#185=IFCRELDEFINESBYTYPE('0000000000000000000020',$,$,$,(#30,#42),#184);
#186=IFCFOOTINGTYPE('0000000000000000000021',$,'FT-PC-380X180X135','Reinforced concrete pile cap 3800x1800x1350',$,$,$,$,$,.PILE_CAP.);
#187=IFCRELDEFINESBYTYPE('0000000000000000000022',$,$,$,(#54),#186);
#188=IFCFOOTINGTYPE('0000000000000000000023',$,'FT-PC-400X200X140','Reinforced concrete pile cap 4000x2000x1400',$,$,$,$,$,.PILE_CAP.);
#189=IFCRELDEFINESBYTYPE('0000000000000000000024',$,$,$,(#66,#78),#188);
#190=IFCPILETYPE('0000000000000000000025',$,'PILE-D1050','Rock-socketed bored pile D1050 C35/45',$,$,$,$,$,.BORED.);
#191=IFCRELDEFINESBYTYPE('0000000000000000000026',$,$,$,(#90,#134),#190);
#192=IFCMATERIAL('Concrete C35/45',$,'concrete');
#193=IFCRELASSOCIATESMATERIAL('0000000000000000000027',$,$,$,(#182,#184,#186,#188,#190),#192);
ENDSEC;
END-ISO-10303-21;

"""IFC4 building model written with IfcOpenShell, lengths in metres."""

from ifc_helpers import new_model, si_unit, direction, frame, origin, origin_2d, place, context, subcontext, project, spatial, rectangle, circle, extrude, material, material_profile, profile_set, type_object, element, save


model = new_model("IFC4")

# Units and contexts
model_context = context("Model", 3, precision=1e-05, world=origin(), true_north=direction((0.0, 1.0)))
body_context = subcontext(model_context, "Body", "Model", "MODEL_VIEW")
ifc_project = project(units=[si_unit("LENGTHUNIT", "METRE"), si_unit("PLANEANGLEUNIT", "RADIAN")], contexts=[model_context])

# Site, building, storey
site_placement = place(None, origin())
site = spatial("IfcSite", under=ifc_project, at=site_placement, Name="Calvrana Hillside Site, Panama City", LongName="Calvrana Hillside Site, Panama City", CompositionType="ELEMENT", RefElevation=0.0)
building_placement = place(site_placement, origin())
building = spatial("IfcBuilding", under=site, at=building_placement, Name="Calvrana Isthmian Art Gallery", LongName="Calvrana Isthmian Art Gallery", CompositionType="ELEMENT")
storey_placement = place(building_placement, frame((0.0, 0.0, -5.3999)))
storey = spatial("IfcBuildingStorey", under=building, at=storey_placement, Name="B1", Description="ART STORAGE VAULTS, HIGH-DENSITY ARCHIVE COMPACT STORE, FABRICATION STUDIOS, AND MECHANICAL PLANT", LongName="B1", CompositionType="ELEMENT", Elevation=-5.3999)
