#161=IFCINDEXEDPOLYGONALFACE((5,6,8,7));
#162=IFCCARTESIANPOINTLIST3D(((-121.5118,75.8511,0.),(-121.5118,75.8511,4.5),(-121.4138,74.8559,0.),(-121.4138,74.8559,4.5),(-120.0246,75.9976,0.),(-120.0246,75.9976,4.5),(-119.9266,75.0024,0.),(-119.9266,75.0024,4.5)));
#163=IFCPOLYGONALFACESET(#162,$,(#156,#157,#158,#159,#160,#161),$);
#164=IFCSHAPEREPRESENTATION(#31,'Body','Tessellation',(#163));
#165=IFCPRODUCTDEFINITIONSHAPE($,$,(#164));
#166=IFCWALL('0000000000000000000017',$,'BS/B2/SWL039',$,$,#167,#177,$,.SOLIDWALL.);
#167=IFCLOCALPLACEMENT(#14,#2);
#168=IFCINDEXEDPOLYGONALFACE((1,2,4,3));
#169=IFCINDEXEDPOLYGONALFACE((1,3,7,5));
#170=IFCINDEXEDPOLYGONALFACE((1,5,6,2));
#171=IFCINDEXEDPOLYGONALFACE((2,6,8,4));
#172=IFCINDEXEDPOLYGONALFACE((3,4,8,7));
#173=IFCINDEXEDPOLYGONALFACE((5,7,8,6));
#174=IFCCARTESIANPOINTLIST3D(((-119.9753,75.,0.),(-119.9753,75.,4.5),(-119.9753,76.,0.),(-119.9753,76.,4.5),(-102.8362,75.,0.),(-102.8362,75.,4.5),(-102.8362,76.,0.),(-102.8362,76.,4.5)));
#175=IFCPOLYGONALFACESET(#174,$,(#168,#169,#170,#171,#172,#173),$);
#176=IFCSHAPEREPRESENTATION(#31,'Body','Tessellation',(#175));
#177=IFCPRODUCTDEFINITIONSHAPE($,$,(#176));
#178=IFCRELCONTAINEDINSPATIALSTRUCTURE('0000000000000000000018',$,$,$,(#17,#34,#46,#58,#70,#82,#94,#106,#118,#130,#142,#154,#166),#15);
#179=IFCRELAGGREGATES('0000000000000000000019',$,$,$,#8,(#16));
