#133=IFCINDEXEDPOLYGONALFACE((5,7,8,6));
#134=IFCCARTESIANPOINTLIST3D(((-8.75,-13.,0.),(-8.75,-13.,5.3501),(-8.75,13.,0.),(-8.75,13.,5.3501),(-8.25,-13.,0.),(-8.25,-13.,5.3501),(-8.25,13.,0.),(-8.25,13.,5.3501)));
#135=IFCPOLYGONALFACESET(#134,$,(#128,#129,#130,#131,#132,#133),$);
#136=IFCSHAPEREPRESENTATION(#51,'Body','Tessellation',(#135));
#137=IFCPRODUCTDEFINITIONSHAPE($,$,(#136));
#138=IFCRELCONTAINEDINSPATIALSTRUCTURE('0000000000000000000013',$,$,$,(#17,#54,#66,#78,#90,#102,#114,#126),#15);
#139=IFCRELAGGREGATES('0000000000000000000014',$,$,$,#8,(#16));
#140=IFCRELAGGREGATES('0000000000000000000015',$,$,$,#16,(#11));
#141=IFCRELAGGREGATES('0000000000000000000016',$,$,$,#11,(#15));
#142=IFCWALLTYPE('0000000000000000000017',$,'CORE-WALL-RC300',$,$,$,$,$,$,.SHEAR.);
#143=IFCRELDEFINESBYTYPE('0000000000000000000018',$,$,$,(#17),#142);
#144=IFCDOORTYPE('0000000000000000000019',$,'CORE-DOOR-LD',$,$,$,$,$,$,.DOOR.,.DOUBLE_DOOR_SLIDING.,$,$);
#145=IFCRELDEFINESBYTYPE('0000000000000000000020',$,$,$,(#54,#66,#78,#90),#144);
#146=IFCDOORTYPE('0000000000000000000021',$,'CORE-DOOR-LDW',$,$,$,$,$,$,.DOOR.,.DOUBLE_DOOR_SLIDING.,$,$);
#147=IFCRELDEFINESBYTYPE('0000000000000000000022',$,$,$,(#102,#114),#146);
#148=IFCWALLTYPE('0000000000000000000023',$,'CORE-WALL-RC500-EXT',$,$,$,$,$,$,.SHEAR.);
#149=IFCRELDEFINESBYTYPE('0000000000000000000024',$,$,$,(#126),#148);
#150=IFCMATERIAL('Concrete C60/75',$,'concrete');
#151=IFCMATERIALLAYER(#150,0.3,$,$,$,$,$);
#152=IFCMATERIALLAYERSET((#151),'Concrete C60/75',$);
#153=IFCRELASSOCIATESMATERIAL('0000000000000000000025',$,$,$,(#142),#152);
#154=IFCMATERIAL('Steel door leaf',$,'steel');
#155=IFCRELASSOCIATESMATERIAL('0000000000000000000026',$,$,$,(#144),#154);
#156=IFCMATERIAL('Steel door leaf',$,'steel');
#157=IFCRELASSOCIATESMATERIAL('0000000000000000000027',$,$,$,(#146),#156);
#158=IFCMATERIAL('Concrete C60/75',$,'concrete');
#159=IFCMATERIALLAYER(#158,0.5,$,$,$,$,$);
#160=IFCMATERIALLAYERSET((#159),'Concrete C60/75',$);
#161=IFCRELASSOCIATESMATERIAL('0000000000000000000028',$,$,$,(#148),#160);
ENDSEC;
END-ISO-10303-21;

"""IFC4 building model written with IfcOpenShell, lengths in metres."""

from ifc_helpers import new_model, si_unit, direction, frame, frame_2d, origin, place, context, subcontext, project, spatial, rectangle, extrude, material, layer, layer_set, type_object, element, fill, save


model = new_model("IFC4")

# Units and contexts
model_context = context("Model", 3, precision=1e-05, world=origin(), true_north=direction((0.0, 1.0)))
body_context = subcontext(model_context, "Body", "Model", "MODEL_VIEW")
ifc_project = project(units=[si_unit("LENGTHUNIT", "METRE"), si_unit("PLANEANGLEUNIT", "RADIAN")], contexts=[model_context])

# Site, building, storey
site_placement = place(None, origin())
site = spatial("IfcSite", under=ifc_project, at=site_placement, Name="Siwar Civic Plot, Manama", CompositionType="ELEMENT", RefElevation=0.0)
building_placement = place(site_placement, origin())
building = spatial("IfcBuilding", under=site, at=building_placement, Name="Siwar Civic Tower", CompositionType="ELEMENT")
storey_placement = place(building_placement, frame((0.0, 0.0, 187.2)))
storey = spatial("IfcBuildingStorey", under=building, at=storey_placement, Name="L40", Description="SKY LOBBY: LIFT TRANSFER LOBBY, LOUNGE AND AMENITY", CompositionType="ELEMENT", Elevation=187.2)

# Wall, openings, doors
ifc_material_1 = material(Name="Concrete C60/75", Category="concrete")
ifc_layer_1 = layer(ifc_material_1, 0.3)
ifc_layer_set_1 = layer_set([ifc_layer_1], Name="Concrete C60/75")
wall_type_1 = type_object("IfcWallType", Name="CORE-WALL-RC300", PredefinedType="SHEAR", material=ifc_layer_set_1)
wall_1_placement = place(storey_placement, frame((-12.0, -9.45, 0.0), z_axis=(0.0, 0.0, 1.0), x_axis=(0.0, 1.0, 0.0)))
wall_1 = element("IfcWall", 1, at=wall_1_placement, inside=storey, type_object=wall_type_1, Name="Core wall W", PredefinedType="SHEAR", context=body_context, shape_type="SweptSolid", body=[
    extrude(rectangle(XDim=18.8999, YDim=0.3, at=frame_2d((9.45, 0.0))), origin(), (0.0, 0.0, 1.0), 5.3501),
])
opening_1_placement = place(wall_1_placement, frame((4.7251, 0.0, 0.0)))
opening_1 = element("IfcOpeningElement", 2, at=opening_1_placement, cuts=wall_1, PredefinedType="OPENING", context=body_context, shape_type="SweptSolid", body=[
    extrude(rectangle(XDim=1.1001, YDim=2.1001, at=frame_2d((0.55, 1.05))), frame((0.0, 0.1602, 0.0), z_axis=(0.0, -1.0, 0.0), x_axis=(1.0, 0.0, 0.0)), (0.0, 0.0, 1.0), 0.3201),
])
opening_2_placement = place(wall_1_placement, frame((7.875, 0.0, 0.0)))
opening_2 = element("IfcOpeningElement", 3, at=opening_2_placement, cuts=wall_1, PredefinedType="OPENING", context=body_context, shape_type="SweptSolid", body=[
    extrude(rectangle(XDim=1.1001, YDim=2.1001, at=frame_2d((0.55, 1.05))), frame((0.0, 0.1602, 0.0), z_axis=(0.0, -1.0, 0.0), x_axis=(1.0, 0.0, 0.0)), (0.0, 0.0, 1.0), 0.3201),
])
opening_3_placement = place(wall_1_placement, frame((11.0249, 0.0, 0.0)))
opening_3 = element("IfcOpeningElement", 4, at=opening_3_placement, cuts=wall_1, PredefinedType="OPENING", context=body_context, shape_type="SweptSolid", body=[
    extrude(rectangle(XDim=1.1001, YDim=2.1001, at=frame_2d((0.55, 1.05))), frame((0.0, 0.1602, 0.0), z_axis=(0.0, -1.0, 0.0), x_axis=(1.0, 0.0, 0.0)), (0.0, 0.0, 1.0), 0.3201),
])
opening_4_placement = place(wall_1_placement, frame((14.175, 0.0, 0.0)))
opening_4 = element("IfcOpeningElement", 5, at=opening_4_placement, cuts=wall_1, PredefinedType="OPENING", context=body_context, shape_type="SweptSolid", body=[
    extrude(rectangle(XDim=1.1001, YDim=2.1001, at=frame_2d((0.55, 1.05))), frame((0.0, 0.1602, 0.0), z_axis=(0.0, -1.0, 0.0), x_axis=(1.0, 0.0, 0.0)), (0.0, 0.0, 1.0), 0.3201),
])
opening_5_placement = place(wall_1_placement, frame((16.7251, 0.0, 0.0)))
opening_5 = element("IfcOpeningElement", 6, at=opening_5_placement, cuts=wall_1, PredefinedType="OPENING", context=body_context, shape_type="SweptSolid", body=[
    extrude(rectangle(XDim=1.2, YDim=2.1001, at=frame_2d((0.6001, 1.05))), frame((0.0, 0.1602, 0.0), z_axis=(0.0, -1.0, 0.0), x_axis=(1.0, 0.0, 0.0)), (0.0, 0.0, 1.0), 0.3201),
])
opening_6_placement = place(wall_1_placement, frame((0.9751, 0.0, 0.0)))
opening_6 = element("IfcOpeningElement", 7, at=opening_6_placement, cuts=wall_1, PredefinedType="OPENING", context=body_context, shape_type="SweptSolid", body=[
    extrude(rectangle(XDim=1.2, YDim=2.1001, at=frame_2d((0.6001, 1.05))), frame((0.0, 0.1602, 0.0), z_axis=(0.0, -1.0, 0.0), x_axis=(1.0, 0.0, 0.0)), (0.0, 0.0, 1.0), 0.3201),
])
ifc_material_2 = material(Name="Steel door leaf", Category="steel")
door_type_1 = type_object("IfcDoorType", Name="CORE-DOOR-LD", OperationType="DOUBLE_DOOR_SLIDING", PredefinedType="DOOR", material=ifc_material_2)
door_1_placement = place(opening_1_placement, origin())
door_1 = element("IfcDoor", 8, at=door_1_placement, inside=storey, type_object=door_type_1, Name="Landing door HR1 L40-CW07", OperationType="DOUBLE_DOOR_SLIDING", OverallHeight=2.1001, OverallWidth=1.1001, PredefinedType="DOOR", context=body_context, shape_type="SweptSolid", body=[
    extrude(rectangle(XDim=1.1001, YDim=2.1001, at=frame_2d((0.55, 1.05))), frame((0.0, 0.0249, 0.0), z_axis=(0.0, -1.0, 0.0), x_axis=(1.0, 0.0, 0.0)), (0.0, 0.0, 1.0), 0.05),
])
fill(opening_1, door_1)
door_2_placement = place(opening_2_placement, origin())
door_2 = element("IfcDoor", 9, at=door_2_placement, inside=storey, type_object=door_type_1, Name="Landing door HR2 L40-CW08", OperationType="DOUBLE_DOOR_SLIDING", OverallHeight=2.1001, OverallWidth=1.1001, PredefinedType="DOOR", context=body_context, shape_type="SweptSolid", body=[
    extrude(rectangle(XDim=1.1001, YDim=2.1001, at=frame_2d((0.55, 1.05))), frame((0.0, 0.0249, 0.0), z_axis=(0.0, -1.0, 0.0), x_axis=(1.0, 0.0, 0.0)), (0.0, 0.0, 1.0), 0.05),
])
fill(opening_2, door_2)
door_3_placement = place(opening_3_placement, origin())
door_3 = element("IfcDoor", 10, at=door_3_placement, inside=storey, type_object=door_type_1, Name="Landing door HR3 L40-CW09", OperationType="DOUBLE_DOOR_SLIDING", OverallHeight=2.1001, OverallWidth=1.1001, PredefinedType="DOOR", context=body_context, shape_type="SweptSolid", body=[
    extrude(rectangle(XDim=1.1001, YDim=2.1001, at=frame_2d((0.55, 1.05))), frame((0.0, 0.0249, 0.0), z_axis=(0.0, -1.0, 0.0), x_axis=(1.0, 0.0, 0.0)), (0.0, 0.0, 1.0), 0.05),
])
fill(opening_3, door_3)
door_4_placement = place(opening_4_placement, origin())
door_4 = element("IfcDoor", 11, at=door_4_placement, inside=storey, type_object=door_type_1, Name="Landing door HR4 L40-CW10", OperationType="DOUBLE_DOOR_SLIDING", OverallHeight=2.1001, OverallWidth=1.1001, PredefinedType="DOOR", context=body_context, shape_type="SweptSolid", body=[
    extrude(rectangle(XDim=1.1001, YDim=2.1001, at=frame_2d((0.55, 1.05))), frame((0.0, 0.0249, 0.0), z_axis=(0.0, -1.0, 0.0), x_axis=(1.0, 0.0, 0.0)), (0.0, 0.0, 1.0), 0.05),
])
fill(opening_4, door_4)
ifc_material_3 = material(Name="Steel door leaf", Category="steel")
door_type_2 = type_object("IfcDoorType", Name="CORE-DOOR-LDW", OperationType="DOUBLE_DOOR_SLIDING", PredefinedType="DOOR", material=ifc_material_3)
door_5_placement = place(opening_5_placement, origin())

_What needs to be done_
When a line in the listing above holds the word "IFCINDEXEDPOLYGONALFACE", copy it.

_Answer space_
#161=IFCINDEXEDPOLYGONALFACE((5,6,8,7));
#168=IFCINDEXEDPOLYGONALFACE((1,2,4,3));
#169=IFCINDEXEDPOLYGONALFACE((1,3,7,5));
#170=IFCINDEXEDPOLYGONALFACE((1,5,6,2));
#171=IFCINDEXEDPOLYGONALFACE((2,6,8,4));
#172=IFCINDEXEDPOLYGONALFACE((3,4,8,7));
#173=IFCINDEXEDPOLYGONALFACE((5,7,8,6));
#133=IFCINDEXEDPOLYGONALFACE((5,7,8,6));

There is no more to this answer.